#### [PROBLEM]
Take the entries that follow and return exactly the lines from the one holding "Business District Plot',$,$,#9,$,$,.ELEMENT.,$,$,0.,$,$);" through the one holding "#20=IFCINDEXEDPOLYGONALFACE((1,3,7,5));", both included. Nothing else is needed.

#### [ENTRIES SUPPLIED]
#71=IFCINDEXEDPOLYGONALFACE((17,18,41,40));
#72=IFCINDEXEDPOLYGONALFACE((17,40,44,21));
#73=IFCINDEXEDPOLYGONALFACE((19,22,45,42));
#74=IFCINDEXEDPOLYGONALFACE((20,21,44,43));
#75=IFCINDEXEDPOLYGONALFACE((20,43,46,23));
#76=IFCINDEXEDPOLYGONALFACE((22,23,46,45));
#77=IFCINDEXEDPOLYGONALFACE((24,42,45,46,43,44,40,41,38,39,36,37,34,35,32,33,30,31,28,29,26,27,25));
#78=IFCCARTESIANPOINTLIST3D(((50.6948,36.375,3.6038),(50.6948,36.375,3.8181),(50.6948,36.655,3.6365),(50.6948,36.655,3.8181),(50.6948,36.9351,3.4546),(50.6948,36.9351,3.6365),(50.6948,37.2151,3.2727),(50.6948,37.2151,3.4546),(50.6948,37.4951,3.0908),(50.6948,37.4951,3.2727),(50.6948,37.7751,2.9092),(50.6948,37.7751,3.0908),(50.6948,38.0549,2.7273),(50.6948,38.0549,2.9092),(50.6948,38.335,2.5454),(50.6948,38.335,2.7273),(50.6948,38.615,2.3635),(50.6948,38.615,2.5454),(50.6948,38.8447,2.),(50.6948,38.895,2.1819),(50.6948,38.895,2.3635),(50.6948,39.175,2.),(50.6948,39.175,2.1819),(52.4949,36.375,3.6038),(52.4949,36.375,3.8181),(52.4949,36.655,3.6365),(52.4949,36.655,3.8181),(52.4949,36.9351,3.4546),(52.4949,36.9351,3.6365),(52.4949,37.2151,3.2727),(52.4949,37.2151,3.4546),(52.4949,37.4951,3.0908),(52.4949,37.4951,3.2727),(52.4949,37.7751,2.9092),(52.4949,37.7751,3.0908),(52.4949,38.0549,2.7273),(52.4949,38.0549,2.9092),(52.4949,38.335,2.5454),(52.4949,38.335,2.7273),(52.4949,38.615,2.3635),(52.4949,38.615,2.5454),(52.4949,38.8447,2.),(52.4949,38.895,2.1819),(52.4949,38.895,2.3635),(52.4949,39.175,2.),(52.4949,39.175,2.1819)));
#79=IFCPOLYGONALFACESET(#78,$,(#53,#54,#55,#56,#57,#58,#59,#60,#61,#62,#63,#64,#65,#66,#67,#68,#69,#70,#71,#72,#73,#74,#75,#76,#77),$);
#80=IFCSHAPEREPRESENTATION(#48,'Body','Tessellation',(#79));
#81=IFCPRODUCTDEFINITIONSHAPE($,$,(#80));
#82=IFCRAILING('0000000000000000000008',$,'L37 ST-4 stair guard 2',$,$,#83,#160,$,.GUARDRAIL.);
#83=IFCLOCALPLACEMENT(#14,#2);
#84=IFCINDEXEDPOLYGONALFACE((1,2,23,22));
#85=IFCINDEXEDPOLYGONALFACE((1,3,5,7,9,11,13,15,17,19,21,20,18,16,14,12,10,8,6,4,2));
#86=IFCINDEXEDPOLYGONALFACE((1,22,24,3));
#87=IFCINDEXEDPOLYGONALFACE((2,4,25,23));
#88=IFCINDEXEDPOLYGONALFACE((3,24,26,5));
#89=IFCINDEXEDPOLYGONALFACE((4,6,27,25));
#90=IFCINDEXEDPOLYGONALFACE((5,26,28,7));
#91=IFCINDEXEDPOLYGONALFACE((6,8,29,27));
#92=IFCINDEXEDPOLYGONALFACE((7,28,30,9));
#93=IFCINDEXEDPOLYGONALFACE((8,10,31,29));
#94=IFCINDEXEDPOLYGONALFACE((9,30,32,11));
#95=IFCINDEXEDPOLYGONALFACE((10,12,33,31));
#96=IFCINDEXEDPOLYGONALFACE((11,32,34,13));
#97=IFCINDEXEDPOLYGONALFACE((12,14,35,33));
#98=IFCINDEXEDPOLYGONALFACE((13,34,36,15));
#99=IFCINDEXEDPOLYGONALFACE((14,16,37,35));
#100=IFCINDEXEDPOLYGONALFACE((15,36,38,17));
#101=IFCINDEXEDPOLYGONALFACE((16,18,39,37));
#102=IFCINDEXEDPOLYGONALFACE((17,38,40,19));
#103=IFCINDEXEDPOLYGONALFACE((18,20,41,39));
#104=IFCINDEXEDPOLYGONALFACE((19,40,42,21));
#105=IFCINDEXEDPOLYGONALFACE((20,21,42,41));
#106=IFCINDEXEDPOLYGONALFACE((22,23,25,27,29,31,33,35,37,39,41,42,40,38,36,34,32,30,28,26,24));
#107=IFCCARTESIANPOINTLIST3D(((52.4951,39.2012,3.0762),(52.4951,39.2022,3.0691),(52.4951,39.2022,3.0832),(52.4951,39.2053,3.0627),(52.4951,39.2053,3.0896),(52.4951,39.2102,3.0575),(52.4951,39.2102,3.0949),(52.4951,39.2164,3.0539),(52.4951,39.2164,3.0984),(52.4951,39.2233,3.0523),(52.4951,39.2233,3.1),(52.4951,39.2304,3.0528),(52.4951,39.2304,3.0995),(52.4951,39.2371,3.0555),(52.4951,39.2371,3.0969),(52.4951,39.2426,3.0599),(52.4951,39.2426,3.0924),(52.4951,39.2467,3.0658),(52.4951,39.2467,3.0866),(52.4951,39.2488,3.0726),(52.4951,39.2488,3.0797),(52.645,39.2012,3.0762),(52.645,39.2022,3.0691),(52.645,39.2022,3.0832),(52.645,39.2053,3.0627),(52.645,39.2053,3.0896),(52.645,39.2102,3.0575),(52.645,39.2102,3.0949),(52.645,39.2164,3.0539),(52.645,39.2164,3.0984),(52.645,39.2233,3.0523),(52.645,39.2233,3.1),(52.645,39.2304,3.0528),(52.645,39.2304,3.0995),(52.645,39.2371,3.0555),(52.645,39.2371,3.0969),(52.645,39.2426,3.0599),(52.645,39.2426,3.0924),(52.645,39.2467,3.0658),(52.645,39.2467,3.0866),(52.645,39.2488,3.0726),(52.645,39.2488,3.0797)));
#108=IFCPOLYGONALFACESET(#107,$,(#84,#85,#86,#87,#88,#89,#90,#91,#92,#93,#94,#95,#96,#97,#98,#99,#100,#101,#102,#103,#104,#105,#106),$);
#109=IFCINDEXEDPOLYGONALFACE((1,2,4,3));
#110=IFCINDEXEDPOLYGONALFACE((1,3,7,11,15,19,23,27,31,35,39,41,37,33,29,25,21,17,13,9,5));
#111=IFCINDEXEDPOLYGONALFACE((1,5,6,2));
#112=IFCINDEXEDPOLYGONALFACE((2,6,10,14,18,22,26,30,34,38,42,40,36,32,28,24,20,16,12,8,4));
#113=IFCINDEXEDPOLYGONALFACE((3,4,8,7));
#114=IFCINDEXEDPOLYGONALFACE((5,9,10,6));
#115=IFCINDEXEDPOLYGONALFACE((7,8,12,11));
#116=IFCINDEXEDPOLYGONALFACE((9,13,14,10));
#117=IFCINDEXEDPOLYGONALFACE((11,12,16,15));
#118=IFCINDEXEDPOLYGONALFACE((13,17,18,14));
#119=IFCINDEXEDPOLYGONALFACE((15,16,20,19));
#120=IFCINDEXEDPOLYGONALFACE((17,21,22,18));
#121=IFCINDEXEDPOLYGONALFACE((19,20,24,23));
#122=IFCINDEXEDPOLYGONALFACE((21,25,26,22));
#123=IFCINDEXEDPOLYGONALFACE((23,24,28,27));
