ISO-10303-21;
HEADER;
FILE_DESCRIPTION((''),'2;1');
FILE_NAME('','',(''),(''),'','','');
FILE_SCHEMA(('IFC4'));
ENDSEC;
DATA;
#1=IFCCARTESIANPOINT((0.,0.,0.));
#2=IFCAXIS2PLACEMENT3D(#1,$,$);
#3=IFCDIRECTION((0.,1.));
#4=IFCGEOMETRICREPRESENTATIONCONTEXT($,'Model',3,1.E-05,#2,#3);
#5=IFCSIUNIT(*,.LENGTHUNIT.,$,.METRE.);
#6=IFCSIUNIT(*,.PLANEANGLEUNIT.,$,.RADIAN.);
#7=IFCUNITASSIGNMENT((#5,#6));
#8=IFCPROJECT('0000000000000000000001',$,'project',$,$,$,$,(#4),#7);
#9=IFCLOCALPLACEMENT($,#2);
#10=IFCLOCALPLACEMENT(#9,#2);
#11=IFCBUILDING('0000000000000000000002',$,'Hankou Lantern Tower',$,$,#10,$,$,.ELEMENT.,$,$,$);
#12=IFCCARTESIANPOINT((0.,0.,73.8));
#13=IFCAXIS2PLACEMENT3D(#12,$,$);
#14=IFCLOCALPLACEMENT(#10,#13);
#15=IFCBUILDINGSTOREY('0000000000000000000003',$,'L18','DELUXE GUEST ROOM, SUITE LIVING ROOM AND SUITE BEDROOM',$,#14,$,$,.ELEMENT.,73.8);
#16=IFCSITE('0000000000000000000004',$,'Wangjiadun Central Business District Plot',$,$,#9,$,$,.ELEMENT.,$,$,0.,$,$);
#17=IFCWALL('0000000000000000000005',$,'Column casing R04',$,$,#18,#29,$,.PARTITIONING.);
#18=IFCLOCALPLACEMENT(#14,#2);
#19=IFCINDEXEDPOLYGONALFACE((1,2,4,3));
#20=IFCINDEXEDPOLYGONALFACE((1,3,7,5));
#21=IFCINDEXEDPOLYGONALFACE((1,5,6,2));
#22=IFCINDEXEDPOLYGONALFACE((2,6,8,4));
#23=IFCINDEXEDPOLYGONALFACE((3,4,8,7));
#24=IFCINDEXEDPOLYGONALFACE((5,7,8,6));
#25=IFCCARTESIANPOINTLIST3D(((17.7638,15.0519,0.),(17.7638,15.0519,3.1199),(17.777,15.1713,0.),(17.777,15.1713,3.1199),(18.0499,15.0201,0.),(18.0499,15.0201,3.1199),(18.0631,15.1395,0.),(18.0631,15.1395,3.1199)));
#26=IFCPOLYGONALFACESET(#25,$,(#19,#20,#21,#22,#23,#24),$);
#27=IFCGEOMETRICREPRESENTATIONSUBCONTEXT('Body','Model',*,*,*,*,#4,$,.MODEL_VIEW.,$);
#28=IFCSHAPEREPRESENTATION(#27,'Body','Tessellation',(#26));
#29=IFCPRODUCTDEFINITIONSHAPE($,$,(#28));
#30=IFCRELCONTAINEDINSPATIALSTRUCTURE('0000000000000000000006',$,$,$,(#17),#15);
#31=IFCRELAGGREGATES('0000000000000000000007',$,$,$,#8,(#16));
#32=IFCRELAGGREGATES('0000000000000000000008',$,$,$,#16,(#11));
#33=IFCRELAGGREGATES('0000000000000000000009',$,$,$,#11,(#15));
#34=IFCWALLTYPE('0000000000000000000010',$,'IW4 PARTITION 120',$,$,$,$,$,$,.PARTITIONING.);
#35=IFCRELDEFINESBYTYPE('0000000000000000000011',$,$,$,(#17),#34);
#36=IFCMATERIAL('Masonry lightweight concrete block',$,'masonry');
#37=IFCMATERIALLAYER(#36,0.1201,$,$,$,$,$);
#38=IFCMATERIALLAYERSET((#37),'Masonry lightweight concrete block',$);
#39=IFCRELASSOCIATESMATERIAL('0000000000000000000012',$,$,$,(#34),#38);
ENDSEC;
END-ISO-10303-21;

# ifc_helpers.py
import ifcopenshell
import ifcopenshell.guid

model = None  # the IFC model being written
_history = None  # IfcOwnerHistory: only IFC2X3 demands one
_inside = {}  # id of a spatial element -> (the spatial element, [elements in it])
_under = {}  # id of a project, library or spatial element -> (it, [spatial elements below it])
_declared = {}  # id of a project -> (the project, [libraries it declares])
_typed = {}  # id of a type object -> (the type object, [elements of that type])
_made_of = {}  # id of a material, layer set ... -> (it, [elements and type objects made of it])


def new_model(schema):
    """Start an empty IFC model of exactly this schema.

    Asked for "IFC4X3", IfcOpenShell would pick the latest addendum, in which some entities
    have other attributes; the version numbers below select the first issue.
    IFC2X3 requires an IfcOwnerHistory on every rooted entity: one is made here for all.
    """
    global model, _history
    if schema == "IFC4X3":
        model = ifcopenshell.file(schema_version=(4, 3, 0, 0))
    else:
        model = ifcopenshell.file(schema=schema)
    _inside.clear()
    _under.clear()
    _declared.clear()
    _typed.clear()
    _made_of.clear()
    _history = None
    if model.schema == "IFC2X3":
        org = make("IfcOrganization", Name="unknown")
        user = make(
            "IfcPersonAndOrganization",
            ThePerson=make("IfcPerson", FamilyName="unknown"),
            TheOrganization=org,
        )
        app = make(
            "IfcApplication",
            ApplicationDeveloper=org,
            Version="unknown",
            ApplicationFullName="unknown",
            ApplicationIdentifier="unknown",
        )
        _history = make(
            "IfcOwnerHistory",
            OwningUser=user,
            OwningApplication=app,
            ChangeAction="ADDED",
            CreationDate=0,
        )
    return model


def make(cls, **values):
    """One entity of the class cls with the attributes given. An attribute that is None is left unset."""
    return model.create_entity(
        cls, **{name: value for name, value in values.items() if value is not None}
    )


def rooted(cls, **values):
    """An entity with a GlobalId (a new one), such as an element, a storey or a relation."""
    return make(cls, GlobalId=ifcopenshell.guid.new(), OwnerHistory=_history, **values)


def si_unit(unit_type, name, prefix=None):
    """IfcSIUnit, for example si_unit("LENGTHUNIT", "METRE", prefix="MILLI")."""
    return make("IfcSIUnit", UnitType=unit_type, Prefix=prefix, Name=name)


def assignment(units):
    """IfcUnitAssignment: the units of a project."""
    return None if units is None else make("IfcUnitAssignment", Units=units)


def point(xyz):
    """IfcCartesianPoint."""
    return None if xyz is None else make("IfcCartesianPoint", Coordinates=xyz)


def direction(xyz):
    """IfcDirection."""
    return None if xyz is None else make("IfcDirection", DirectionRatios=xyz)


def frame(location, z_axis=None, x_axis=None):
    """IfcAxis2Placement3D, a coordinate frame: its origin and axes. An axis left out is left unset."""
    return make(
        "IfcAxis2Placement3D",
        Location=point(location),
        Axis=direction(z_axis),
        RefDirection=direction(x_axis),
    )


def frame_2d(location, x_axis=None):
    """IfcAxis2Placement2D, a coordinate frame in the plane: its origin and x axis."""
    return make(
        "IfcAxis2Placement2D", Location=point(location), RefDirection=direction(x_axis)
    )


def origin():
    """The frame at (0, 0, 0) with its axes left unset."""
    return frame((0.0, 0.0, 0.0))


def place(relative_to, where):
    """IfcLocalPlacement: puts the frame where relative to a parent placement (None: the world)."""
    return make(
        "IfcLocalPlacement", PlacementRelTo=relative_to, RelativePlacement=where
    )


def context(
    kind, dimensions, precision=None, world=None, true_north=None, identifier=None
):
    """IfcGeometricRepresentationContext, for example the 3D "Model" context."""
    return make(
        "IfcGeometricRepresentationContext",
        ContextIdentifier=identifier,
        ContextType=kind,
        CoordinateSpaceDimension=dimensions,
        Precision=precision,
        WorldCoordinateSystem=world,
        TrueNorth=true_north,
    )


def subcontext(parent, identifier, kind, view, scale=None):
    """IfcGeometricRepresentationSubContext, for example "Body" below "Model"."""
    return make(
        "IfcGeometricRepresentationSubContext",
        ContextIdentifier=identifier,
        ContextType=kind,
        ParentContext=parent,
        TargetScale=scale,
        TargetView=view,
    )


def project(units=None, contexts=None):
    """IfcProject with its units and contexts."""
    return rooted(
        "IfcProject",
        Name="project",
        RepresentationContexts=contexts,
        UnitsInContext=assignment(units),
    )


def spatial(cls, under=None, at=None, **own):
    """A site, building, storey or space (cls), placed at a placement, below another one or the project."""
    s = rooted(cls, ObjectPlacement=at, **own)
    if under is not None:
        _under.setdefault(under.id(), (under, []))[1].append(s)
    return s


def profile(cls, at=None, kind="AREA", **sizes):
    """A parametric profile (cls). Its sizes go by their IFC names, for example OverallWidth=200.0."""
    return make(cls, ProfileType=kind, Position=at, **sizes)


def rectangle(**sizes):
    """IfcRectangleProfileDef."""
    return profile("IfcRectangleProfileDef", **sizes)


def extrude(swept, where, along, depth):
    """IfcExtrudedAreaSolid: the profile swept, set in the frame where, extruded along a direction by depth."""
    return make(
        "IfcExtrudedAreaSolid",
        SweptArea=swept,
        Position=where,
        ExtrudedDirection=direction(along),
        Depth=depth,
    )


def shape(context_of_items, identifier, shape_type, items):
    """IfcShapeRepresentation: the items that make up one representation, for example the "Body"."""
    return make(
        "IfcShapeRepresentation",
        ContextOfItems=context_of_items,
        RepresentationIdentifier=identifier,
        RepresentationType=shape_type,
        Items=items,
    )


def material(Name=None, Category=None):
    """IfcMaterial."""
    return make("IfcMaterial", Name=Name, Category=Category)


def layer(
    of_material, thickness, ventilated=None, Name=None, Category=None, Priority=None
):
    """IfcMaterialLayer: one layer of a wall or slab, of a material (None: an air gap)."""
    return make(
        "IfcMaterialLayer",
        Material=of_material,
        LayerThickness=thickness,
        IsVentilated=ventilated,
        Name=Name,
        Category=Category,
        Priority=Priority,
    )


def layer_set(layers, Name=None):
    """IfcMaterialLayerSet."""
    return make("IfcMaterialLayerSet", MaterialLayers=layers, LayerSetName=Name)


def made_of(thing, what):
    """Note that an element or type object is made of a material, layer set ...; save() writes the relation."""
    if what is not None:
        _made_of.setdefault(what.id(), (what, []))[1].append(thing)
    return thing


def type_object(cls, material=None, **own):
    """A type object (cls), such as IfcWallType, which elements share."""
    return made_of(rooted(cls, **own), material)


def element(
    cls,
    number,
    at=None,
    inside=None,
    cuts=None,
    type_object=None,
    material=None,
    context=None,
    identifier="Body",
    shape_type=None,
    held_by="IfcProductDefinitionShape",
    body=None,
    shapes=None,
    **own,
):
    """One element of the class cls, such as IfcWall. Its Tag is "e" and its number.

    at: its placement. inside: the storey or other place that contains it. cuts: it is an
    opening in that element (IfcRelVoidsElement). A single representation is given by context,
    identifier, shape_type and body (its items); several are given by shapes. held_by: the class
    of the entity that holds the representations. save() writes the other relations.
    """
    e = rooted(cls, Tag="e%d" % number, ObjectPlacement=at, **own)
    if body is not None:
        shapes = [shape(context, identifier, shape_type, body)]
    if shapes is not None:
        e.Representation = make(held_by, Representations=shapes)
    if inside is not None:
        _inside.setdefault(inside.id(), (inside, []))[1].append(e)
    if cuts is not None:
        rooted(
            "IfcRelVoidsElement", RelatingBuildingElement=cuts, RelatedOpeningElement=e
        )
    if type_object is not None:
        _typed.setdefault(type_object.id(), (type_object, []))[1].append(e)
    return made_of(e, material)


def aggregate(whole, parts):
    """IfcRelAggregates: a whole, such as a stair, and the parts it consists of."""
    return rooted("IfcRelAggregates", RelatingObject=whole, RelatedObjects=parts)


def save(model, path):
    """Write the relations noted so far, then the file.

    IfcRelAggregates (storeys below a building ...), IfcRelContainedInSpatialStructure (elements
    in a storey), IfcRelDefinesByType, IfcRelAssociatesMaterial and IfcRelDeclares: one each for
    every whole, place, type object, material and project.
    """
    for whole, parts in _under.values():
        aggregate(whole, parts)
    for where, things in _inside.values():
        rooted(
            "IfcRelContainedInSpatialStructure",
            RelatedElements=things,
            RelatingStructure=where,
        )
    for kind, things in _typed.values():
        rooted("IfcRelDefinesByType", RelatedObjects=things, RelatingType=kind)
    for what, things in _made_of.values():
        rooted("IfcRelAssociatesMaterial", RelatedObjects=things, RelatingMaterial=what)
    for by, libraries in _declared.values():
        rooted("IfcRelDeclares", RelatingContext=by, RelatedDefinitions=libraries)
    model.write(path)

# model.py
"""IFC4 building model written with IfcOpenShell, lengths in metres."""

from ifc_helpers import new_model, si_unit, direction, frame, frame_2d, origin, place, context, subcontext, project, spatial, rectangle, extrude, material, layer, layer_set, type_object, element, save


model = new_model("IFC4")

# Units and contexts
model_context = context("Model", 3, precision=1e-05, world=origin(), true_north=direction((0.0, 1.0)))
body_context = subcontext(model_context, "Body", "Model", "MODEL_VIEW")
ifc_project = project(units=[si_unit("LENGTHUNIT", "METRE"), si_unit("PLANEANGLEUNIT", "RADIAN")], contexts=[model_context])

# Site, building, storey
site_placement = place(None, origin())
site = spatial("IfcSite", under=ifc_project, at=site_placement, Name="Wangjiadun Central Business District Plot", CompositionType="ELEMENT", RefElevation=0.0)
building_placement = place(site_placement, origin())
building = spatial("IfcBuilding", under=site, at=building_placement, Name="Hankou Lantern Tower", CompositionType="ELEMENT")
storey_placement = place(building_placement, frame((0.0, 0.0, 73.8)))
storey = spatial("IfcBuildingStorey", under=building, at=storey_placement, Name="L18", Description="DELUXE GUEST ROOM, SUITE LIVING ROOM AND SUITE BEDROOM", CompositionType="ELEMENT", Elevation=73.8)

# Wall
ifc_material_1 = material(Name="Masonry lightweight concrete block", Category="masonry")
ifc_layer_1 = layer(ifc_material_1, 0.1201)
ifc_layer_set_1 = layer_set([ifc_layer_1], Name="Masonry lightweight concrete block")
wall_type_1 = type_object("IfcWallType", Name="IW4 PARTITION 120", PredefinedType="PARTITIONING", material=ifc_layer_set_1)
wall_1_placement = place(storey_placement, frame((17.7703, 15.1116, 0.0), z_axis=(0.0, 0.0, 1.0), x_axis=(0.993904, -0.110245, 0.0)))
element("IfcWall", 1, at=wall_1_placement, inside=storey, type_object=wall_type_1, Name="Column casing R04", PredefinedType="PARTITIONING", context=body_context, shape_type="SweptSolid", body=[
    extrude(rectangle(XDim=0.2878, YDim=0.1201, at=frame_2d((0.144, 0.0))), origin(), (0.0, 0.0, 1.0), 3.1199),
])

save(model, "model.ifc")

#### [SOLUTION]
#16=IFCSITE('0000000000000000000004',$,'Wangjiadun Central Business District Plot',$,$,#9,$,$,.ELEMENT.,$,$,0.,$,$);
#17=IFCWALL('0000000000000000000005',$,'Column casing R04',$,$,#18,#29,$,.PARTITIONING.);
#18=IFCLOCALPLACEMENT(#14,#2);
#19=IFCINDEXEDPOLYGONALFACE((1,2,4,3));
#20=IFCINDEXEDPOLYGONALFACE((1,3,7,5));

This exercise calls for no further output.